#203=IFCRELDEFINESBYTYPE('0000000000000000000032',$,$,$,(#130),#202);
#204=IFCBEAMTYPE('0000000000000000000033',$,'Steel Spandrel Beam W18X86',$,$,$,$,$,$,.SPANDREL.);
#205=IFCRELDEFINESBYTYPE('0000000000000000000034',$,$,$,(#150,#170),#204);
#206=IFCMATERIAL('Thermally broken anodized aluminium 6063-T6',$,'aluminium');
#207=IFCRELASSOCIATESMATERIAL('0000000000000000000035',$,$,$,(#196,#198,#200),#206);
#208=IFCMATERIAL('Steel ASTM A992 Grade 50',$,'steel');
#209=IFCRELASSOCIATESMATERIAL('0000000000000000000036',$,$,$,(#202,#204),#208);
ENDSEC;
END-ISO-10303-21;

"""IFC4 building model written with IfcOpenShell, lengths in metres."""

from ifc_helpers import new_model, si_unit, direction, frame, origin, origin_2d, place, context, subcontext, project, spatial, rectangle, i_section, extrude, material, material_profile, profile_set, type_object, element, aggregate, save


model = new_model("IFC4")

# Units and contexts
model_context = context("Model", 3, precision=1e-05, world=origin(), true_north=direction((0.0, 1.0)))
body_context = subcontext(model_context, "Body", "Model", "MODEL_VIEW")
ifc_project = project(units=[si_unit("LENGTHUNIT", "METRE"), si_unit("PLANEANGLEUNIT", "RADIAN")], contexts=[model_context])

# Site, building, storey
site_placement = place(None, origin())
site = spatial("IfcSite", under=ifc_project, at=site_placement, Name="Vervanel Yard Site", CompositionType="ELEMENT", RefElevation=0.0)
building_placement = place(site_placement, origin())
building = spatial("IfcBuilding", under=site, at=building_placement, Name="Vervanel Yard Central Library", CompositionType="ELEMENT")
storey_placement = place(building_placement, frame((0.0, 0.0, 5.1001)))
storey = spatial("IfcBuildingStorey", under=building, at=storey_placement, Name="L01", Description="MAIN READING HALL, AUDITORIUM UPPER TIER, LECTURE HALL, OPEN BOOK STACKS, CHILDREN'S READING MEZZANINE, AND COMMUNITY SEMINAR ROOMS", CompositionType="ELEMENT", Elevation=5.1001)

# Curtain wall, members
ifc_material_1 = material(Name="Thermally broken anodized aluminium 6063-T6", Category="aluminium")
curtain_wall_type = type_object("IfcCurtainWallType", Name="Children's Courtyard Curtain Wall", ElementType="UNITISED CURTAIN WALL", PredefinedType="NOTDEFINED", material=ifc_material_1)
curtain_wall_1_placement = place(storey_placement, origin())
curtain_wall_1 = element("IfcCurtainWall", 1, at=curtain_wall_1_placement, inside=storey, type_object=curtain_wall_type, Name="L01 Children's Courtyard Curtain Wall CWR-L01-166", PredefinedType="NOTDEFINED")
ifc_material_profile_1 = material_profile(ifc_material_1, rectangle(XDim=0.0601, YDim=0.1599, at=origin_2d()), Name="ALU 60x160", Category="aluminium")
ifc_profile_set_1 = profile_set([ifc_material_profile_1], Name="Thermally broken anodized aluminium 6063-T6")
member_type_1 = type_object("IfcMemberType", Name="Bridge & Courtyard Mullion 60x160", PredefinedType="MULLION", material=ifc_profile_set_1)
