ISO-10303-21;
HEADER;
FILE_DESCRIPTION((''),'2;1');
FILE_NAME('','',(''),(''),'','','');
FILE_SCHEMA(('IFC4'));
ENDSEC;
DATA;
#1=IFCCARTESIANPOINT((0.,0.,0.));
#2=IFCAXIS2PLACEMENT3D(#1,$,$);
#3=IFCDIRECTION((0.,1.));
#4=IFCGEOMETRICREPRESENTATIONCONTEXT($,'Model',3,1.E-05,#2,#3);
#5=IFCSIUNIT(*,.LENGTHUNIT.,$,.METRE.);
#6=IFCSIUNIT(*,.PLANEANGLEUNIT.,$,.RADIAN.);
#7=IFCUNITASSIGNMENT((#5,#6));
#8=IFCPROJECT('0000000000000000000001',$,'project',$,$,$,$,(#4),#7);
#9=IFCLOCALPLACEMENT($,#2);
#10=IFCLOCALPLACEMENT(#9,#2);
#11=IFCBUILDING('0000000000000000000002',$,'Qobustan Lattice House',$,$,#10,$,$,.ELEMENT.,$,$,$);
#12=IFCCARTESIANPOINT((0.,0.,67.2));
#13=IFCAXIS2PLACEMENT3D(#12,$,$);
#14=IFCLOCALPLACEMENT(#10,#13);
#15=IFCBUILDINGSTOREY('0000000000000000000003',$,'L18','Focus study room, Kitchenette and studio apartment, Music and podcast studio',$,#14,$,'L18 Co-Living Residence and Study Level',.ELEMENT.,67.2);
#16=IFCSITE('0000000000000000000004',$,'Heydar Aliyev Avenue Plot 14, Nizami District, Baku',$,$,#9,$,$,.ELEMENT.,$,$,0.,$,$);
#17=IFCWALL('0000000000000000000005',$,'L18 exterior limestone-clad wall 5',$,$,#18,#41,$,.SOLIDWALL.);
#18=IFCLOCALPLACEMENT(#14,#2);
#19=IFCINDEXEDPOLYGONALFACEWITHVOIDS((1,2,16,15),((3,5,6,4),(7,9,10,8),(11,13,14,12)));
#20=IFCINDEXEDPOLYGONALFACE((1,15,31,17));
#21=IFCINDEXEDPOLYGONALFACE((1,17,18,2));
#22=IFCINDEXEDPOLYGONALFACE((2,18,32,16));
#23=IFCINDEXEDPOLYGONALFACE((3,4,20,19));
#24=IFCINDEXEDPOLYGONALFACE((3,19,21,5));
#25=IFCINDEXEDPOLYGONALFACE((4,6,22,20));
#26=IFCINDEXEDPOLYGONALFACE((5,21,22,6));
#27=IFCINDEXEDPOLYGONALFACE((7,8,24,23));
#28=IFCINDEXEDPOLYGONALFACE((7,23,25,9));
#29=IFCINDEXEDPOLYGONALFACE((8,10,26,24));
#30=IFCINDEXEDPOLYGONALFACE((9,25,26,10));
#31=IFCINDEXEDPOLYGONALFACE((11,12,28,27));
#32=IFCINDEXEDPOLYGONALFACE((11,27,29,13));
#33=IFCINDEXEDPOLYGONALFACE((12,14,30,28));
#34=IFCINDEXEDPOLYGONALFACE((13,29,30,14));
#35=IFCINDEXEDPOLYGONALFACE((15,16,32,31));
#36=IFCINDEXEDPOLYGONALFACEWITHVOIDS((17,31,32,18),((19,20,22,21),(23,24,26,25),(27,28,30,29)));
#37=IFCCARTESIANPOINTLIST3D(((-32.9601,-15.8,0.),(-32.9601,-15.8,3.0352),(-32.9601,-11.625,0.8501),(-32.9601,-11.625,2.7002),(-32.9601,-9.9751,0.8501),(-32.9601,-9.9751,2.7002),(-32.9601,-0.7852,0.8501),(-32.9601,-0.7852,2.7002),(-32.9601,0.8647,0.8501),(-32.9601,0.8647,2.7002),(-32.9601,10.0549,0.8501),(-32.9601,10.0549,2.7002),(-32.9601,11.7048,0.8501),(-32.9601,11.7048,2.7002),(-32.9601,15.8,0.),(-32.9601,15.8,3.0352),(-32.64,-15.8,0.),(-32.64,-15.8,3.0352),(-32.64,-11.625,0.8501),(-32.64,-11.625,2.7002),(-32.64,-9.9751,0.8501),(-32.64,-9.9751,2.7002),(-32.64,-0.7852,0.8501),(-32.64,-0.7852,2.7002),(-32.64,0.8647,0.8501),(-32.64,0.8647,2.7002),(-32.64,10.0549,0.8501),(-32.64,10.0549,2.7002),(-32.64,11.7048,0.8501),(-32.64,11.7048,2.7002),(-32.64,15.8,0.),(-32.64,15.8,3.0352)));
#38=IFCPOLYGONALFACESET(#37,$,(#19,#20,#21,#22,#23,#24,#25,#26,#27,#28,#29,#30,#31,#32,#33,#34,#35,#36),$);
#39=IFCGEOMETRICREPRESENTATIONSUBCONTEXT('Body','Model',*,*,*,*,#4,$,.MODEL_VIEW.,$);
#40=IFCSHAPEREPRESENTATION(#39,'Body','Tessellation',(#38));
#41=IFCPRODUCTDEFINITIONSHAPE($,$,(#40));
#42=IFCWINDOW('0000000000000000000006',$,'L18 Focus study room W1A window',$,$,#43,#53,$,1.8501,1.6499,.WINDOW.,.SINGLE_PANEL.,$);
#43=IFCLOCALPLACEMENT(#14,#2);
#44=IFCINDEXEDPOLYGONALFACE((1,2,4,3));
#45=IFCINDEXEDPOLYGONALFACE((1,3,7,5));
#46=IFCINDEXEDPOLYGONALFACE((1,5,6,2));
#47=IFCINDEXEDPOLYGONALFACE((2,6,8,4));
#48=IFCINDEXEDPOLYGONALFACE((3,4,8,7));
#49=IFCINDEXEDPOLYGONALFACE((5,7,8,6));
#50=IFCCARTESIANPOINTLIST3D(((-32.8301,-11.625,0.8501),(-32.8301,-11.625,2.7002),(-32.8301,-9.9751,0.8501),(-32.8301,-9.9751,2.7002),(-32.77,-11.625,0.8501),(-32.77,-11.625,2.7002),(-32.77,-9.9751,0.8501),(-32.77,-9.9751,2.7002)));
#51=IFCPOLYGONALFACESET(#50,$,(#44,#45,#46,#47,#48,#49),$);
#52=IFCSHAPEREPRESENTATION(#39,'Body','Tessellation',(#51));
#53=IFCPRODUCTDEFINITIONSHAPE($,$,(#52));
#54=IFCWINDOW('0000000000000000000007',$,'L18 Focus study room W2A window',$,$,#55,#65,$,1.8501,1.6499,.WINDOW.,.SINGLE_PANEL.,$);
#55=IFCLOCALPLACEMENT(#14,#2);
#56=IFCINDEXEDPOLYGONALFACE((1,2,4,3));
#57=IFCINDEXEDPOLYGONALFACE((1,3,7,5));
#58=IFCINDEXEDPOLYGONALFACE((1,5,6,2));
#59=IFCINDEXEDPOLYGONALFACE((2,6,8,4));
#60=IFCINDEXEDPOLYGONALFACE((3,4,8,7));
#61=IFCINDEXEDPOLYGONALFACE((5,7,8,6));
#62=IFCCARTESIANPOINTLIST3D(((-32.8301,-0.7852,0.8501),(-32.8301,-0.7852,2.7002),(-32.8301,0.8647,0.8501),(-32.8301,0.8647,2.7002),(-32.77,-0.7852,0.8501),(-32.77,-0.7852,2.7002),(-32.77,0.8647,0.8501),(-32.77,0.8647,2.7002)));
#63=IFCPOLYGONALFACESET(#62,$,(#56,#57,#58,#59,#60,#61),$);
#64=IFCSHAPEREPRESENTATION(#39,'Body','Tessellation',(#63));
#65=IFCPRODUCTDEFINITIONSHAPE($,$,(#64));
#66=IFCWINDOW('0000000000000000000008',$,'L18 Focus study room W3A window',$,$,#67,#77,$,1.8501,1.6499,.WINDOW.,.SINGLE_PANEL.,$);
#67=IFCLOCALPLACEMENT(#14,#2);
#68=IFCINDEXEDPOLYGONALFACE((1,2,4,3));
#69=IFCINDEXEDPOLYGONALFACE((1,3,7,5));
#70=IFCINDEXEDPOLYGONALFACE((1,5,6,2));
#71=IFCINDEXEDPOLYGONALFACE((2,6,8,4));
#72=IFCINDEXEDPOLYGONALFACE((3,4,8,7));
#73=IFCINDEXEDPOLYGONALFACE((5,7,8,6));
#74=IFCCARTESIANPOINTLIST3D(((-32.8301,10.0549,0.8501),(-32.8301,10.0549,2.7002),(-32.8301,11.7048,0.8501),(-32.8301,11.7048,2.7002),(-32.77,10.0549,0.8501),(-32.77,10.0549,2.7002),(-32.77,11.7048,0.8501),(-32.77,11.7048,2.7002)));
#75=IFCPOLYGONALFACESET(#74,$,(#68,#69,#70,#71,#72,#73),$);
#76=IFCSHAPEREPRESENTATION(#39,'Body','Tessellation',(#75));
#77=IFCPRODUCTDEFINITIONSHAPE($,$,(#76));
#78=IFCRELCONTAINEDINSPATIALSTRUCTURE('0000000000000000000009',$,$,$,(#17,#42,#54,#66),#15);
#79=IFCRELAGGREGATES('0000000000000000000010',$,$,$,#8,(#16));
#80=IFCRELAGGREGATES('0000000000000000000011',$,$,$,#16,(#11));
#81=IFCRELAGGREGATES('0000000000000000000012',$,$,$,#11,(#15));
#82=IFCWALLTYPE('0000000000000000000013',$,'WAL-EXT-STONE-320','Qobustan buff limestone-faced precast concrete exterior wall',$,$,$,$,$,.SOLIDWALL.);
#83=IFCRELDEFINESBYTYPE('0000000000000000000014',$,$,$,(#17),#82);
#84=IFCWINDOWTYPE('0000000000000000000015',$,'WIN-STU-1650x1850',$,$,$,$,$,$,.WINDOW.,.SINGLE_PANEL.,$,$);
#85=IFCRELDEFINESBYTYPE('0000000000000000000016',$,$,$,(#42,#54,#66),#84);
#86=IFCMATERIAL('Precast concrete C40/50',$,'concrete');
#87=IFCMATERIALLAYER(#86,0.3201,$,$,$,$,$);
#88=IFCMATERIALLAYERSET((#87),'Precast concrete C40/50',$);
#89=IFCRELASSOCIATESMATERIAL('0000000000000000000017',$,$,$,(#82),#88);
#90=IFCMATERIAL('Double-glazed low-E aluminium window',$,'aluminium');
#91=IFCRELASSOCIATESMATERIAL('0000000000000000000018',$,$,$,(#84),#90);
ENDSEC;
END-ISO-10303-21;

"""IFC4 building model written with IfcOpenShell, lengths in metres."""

from ifc_helpers import new_model, si_unit, direction, frame, frame_2d, origin, place, context, subcontext, project, spatial, rectangle, extrude, material, layer, layer_set, type_object, element, fill, save


model = new_model("IFC4")

# Units and contexts
model_context = context("Model", 3, precision=1e-05, world=origin(), true_north=direction((0.0, 1.0)))
body_context = subcontext(model_context, "Body", "Model", "MODEL_VIEW")
ifc_project = project(units=[si_unit("LENGTHUNIT", "METRE"), si_unit("PLANEANGLEUNIT", "RADIAN")], contexts=[model_context])

# Site, building, storey
site_placement = place(None, origin())
site = spatial("IfcSite", under=ifc_project, at=site_placement, Name="Heydar Aliyev Avenue Plot 14, Nizami District, Baku", CompositionType="ELEMENT", RefElevation=0.0)
building_placement = place(site_placement, origin())
building = spatial("IfcBuilding", under=site, at=building_placement, Name="Qobustan Lattice House", CompositionType="ELEMENT")
storey_placement = place(building_placement, frame((0.0, 0.0, 67.2)))
storey = spatial("IfcBuildingStorey", under=building, at=storey_placement, Name="L18", Description="Focus study room, Kitchenette and studio apartment, Music and podcast studio", LongName="L18 Co-Living Residence and Study Level", CompositionType="ELEMENT", Elevation=67.2)

# Shared definitions
ifc_material_1 = material(Name="Precast concrete C40/50", Category="concrete")
ifc_layer_1 = layer(ifc_material_1, 0.3201)
ifc_layer_set_1 = layer_set([ifc_layer_1], Name="Precast concrete C40/50")
wall_type = type_object("IfcWallType", Name="WAL-EXT-STONE-320", Description="Qobustan buff limestone-faced precast concrete exterior wall", PredefinedType="SOLIDWALL", material=ifc_layer_set_1)

# Wall, openings, windows
wall_1_placement = place(storey_placement, frame((-32.8, -15.8, 0.0), z_axis=(0.0, 0.0, 1.0), x_axis=(0.0, 1.0, 0.0)))
wall_1 = element("IfcWall", 1, at=wall_1_placement, inside=storey, type_object=wall_type, Name="L18 exterior limestone-clad wall 5", PredefinedType="SOLIDWALL", context=body_context, shape_type="SweptSolid", body=[
    extrude(rectangle(XDim=31.6001, YDim=0.3201, at=frame_2d((15.8, 0.0))), origin(), (0.0, 0.0, 1.0), 3.0352),
])
opening_1_placement = place(wall_1_placement, frame((4.175, 0.0, 0.8501)))
opening_1 = element("IfcOpeningElement", 2, at=opening_1_placement, cuts=wall_1, PredefinedType="OPENING", context=body_context, shape_type="SweptSolid", body=[
    extrude(rectangle(XDim=1.6499, YDim=1.8501, at=frame_2d((0.825, 0.925))), frame((0.0, 0.1699, 0.0), z_axis=(0.0, -1.0, 0.0), x_axis=(1.0, 0.0, 0.0)), (0.0, 0.0, 1.0), 0.3401),
])
opening_2_placement = place(wall_1_placement, frame((15.0149, 0.0, 0.8501)))
opening_2 = element("IfcOpeningElement", 3, at=opening_2_placement, cuts=wall_1, PredefinedType="OPENING", context=body_context, shape_type="SweptSolid", body=[
    extrude(rectangle(XDim=1.6499, YDim=1.8501, at=frame_2d((0.825, 0.925))), frame((0.0, 0.1699, 0.0), z_axis=(0.0, -1.0, 0.0), x_axis=(1.0, 0.0, 0.0)), (0.0, 0.0, 1.0), 0.3401),
])
opening_3_placement = place(wall_1_placement, frame((25.855, 0.0, 0.8501)))
opening_3 = element("IfcOpeningElement", 4, at=opening_3_placement, cuts=wall_1, PredefinedType="OPENING", context=body_context, shape_type="SweptSolid", body=[
    extrude(rectangle(XDim=1.6499, YDim=1.8501, at=frame_2d((0.825, 0.925))), frame((0.0, 0.1699, 0.0), z_axis=(0.0, -1.0, 0.0), x_axis=(1.0, 0.0, 0.0)), (0.0, 0.0, 1.0), 0.3401),
])
ifc_material_2 = material(Name="Double-glazed low-E aluminium window", Category="aluminium")
window_type = type_object("IfcWindowType", Name="WIN-STU-1650x1850", PartitioningType="SINGLE_PANEL", PredefinedType="WINDOW", material=ifc_material_2)
window_1_placement = place(opening_1_placement, origin())
window_1 = element("IfcWindow", 5, at=window_1_placement, inside=storey, type_object=window_type, Name="L18 Focus study room W1A window", OverallHeight=1.8501, OverallWidth=1.6499, PartitioningType="SINGLE_PANEL", PredefinedType="WINDOW", context=body_context, shape_type="SweptSolid", body=[
    extrude(rectangle(XDim=1.6499, YDim=1.8501, at=frame_2d((0.825, 0.925))), frame((0.0, 0.03, 0.0), z_axis=(0.0, -1.0, 0.0), x_axis=(1.0, 0.0, 0.0)), (0.0, 0.0, 1.0), 0.0601),
])
fill(opening_1, window_1)
window_2_placement = place(opening_2_placement, origin())
window_2 = element("IfcWindow", 6, at=window_2_placement, inside=storey, type_object=window_type, Name="L18 Focus study room W2A window", OverallHeight=1.8501, OverallWidth=1.6499, PartitioningType="SINGLE_PANEL", PredefinedType="WINDOW", context=body_context, shape_type="SweptSolid", body=[
    extrude(rectangle(XDim=1.6499, YDim=1.8501, at=frame_2d((0.825, 0.925))), frame((0.0, 0.03, 0.0), z_axis=(0.0, -1.0, 0.0), x_axis=(1.0, 0.0, 0.0)), (0.0, 0.0, 1.0), 0.0601),
])
fill(opening_2, window_2)
window_3_placement = place(opening_3_placement, origin())
window_3 = element("IfcWindow", 7, at=window_3_placement, inside=storey, type_object=window_type, Name="L18 Focus study room W3A window", OverallHeight=1.8501, OverallWidth=1.6499, PartitioningType="SINGLE_PANEL", PredefinedType="WINDOW", context=body_context, shape_type="SweptSolid", body=[
    extrude(rectangle(XDim=1.6499, YDim=1.8501, at=frame_2d((0.825, 0.925))), frame((0.0, 0.03, 0.0), z_axis=(0.0, -1.0, 0.0), x_axis=(1.0, 0.0, 0.0)), (0.0, 0.0, 1.0), 0.0601),
])
fill(opening_3, window_3)

save(model, "model.ifc")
---
AIM OF THE EXERCISE
Once a line of the records is found to contain "Tessellation", copy it out.

COMPLETED TASK
#40=IFCSHAPEREPRESENTATION(#39,'Body','Tessellation',(#38));
#52=IFCSHAPEREPRESENTATION(#39,'Body','Tessellation',(#51));
#64=IFCSHAPEREPRESENTATION(#39,'Body','Tessellation',(#63));
#76=IFCSHAPEREPRESENTATION(#39,'Body','Tessellation',(#75));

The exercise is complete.